Collected data:

********************

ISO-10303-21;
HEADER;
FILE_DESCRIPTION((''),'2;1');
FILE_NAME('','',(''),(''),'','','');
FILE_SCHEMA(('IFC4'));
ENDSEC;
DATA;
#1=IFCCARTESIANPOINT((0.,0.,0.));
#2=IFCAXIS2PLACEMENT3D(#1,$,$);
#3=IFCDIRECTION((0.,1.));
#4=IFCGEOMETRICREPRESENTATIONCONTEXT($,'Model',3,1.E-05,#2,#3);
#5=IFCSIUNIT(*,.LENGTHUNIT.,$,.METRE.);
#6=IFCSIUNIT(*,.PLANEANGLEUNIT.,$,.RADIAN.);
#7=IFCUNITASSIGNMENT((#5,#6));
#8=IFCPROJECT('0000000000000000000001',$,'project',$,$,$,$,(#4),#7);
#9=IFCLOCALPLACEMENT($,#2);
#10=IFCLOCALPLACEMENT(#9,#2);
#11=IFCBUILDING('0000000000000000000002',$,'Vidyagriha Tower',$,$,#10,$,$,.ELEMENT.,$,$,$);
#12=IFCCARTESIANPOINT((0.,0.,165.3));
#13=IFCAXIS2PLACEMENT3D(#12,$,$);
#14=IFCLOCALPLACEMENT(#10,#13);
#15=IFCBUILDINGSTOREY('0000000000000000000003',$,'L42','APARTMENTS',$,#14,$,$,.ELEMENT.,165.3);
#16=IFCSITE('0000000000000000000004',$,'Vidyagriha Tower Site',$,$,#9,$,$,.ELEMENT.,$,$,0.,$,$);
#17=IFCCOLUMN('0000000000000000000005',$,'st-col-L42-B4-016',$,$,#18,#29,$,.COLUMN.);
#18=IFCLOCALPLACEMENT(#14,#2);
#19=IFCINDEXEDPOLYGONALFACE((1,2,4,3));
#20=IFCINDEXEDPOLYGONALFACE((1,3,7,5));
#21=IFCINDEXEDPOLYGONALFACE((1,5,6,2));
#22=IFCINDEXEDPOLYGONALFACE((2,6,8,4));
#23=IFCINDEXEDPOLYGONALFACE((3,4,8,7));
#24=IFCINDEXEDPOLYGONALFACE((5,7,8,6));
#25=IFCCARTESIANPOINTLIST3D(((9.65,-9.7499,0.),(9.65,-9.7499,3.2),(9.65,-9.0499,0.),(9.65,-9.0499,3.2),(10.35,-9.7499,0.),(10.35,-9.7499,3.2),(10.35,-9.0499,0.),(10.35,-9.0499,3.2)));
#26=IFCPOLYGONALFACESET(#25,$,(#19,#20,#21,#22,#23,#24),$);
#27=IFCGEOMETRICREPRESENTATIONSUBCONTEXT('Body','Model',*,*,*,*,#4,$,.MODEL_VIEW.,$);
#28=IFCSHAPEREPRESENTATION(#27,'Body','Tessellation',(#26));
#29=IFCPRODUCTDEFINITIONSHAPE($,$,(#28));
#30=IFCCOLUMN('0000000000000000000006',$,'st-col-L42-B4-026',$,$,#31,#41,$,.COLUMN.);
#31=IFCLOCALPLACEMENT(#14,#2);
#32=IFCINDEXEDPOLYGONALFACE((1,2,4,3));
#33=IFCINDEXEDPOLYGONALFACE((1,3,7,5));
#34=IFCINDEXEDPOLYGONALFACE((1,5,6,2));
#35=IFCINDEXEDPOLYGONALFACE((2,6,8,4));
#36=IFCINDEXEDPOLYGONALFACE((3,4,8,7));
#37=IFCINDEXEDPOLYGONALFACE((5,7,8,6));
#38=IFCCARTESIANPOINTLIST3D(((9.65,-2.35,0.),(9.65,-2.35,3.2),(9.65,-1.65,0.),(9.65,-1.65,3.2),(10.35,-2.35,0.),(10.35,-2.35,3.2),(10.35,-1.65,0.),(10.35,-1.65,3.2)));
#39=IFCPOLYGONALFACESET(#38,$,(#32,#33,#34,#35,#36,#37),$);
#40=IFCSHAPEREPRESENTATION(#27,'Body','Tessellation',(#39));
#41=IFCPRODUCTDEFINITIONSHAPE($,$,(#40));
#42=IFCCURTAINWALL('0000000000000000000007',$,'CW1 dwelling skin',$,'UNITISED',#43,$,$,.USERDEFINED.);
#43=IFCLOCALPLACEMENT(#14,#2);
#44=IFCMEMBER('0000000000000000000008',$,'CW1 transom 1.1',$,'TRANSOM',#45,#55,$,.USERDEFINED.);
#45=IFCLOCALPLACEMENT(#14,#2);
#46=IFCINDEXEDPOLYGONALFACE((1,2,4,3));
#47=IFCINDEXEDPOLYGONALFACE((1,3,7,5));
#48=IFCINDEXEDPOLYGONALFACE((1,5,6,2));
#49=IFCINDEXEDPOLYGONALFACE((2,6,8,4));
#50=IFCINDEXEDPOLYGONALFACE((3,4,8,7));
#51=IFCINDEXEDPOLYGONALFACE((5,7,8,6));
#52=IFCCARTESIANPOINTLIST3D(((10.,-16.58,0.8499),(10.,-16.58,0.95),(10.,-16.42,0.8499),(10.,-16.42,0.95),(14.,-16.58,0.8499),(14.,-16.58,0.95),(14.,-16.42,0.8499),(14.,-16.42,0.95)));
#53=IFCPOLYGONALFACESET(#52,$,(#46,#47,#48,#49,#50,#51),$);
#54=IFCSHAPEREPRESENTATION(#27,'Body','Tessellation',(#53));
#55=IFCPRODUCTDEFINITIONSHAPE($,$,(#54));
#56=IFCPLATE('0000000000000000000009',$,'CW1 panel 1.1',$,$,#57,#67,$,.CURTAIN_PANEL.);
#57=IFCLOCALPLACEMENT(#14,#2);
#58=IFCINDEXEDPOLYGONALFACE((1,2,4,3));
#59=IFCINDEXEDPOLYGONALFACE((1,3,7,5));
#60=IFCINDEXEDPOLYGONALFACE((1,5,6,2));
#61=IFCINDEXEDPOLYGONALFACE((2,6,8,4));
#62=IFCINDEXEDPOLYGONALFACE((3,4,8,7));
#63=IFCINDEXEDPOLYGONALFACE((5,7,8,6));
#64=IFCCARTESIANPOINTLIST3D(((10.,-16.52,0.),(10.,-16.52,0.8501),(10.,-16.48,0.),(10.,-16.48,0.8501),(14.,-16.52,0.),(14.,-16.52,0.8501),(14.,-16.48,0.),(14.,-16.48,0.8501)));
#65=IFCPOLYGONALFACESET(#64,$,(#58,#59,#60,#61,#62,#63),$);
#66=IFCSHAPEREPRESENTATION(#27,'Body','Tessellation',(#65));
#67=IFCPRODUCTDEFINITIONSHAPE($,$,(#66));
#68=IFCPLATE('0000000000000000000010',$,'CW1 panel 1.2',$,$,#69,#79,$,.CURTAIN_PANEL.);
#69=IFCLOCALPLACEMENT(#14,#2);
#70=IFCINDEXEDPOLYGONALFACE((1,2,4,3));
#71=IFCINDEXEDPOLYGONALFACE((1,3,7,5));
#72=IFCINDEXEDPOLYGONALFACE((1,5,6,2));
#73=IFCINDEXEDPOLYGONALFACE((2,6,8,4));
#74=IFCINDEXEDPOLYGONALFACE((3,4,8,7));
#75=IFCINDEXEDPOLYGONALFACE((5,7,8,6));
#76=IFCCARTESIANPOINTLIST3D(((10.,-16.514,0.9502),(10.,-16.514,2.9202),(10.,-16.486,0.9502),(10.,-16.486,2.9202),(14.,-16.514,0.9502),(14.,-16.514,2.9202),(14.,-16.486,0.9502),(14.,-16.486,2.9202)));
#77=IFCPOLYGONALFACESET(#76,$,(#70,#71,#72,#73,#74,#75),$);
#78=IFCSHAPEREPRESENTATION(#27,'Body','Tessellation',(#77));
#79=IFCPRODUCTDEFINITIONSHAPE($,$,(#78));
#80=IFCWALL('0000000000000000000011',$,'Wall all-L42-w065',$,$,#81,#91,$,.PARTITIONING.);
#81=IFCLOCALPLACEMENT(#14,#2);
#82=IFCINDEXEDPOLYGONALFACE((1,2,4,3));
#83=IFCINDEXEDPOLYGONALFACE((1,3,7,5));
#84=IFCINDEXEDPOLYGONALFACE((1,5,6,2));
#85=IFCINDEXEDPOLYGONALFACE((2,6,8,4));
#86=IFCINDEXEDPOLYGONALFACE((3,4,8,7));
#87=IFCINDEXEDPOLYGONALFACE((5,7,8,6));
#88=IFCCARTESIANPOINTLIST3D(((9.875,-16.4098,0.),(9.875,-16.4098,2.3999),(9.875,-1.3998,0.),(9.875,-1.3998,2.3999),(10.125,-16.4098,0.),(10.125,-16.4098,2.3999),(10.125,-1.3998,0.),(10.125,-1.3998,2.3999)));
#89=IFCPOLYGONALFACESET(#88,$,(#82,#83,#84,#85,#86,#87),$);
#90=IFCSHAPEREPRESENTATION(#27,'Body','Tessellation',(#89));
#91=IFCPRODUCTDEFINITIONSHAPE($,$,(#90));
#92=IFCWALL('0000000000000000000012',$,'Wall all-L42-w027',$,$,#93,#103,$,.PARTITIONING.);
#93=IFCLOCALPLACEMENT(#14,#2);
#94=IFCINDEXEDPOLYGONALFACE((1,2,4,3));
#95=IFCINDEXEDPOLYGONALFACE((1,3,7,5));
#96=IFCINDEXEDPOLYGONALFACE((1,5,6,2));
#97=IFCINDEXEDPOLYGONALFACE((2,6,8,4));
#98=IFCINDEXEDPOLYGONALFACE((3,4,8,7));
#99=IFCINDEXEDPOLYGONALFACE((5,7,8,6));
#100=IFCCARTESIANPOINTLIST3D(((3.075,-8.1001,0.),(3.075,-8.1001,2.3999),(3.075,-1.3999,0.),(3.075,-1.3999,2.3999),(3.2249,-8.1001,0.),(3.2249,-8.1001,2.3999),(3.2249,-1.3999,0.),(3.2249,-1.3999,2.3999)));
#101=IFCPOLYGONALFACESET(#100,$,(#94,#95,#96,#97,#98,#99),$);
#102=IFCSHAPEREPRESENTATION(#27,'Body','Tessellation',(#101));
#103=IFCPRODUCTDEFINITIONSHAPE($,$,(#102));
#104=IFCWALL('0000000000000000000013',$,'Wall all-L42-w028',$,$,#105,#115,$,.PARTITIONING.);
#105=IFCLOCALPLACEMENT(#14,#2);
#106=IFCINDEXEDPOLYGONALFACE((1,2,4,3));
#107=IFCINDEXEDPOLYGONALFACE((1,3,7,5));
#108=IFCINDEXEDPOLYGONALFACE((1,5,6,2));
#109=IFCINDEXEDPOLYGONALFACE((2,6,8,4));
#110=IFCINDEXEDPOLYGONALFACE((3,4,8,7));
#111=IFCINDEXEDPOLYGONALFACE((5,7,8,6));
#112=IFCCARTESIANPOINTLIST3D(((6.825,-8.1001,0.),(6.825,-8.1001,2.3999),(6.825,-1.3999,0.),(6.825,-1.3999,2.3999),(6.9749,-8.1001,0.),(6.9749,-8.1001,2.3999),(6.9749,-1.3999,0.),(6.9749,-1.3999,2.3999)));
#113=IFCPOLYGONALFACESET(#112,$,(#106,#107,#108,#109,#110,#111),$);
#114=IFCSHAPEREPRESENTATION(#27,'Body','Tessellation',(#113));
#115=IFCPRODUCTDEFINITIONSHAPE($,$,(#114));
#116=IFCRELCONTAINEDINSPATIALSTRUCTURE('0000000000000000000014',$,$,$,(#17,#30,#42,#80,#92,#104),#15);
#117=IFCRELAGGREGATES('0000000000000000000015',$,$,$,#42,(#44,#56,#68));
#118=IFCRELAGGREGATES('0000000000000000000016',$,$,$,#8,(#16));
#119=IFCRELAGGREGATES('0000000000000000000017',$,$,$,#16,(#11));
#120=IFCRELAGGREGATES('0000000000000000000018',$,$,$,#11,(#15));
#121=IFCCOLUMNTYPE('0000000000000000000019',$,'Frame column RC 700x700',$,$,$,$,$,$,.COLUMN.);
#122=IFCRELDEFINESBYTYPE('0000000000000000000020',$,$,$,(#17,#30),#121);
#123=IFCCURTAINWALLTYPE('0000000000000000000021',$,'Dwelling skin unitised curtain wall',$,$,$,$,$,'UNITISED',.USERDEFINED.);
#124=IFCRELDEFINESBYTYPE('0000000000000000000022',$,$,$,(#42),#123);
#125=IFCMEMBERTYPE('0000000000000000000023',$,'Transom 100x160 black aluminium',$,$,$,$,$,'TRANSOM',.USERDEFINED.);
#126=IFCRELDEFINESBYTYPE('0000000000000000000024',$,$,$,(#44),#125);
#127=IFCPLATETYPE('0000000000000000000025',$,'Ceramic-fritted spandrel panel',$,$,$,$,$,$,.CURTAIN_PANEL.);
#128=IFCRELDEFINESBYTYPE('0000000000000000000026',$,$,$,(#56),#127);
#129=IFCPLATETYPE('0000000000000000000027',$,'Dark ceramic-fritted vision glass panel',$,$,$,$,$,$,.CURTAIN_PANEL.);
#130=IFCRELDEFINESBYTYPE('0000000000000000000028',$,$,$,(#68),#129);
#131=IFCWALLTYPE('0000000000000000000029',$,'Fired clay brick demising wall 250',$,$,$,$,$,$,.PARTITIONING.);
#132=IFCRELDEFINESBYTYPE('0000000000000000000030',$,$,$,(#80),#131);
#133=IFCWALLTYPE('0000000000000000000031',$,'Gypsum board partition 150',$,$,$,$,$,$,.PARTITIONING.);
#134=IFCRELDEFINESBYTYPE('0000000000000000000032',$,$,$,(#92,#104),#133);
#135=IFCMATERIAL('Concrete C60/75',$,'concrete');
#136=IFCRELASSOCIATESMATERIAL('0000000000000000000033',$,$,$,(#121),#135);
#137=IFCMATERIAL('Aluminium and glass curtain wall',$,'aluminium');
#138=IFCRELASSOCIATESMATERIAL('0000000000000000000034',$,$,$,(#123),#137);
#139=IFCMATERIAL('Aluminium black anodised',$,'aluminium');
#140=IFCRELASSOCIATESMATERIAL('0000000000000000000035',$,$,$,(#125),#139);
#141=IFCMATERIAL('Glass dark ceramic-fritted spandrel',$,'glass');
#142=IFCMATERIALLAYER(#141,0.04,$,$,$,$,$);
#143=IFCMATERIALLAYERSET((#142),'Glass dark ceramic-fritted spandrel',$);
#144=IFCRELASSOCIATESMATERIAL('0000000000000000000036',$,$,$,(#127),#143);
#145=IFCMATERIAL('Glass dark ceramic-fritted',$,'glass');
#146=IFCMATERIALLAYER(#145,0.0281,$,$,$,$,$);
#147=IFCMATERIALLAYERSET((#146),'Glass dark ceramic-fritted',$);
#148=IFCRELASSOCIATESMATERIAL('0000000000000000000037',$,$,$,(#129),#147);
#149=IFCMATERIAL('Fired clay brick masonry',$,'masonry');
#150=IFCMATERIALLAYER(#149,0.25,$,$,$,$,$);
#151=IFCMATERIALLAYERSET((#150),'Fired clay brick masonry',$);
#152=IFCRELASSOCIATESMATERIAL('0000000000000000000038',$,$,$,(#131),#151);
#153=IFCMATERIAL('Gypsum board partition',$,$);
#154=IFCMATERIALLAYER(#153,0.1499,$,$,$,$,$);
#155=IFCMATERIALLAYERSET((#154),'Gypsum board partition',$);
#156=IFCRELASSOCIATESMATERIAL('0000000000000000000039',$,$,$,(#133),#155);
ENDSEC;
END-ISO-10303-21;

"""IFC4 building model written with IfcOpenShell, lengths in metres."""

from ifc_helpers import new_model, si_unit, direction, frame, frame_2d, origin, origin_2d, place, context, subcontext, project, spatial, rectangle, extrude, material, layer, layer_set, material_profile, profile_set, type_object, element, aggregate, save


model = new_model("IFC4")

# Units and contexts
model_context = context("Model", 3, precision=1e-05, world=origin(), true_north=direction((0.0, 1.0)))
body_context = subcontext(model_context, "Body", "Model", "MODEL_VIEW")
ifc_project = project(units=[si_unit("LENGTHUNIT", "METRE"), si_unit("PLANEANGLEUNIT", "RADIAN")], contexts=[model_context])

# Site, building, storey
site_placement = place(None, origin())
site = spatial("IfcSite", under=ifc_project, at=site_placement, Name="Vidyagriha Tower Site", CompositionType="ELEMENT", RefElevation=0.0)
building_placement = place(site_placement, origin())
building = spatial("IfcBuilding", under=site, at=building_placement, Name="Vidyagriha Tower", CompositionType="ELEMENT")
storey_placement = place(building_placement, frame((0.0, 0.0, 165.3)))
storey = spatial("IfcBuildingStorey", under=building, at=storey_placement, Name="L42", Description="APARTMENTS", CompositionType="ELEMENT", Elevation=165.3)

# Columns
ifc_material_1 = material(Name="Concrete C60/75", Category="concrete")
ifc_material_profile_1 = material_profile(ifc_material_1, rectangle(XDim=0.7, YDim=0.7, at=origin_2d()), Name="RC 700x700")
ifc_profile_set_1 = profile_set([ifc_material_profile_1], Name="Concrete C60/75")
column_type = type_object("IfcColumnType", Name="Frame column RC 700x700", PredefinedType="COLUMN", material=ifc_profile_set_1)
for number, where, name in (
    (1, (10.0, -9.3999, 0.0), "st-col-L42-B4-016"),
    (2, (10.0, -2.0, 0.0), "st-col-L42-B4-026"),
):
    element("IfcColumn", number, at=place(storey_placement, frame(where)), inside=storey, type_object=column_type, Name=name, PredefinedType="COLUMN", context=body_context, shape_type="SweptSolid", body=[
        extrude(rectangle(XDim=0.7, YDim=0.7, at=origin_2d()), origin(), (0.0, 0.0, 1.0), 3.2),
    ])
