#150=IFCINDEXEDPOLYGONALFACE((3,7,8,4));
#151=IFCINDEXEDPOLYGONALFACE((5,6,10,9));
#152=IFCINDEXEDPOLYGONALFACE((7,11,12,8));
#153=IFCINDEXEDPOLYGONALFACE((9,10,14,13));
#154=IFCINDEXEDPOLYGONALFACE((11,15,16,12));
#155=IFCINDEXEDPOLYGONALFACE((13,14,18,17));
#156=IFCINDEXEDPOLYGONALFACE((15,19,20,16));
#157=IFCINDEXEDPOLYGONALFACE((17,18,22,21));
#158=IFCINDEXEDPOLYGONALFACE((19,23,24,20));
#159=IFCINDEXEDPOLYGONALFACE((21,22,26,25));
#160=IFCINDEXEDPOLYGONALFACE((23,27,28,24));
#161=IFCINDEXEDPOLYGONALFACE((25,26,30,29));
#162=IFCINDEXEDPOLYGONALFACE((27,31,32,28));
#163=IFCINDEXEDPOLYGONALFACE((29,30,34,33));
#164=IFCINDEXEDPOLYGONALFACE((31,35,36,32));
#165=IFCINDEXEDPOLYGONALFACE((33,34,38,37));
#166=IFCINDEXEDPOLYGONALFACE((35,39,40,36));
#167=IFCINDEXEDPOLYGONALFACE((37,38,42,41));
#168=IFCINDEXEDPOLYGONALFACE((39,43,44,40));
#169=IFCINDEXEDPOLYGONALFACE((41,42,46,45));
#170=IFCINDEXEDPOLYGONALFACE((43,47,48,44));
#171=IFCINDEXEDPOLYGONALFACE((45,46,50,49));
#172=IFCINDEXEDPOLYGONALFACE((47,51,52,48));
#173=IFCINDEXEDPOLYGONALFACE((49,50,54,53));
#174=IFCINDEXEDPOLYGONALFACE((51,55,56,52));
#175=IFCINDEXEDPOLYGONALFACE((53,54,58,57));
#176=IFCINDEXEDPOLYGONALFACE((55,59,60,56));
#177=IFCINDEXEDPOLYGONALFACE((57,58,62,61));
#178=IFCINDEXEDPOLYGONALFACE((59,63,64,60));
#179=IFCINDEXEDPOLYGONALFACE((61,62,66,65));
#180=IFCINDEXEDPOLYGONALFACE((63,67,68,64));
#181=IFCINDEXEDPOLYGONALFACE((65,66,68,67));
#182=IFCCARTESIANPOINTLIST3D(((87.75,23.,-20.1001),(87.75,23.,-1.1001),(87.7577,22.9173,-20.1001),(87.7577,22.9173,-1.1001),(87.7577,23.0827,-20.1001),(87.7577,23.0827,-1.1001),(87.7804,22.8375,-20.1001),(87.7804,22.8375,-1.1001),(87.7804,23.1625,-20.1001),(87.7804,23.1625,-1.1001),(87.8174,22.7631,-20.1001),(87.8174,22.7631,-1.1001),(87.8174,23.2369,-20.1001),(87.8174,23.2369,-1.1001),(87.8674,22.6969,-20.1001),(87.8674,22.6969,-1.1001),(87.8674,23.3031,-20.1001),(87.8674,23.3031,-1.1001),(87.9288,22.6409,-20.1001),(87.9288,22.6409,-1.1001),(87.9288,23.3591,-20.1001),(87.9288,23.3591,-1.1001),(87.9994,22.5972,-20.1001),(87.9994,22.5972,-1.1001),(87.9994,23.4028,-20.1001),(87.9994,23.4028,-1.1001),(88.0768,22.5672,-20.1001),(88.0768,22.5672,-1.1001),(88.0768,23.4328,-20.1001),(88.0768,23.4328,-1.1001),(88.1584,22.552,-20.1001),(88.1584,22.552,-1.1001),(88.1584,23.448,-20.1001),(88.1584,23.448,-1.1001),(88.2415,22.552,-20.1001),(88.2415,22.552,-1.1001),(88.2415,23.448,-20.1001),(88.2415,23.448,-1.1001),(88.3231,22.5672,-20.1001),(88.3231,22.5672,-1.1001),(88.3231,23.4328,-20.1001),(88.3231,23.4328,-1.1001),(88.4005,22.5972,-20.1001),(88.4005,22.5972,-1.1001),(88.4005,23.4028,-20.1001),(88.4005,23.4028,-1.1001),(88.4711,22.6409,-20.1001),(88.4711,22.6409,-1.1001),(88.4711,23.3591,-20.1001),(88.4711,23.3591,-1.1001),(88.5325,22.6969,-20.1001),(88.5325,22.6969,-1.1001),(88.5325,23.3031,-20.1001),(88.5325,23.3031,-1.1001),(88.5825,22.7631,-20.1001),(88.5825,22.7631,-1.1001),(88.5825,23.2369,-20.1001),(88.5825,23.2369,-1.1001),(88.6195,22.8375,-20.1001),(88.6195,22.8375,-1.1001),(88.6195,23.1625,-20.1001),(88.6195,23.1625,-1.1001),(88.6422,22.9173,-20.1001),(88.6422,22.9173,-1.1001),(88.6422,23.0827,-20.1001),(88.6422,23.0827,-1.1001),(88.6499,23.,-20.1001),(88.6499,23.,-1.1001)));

********************

*Activity*:
Only a number is needed here: how many lines of the data include the word "skin"?

*Exercise output*:
2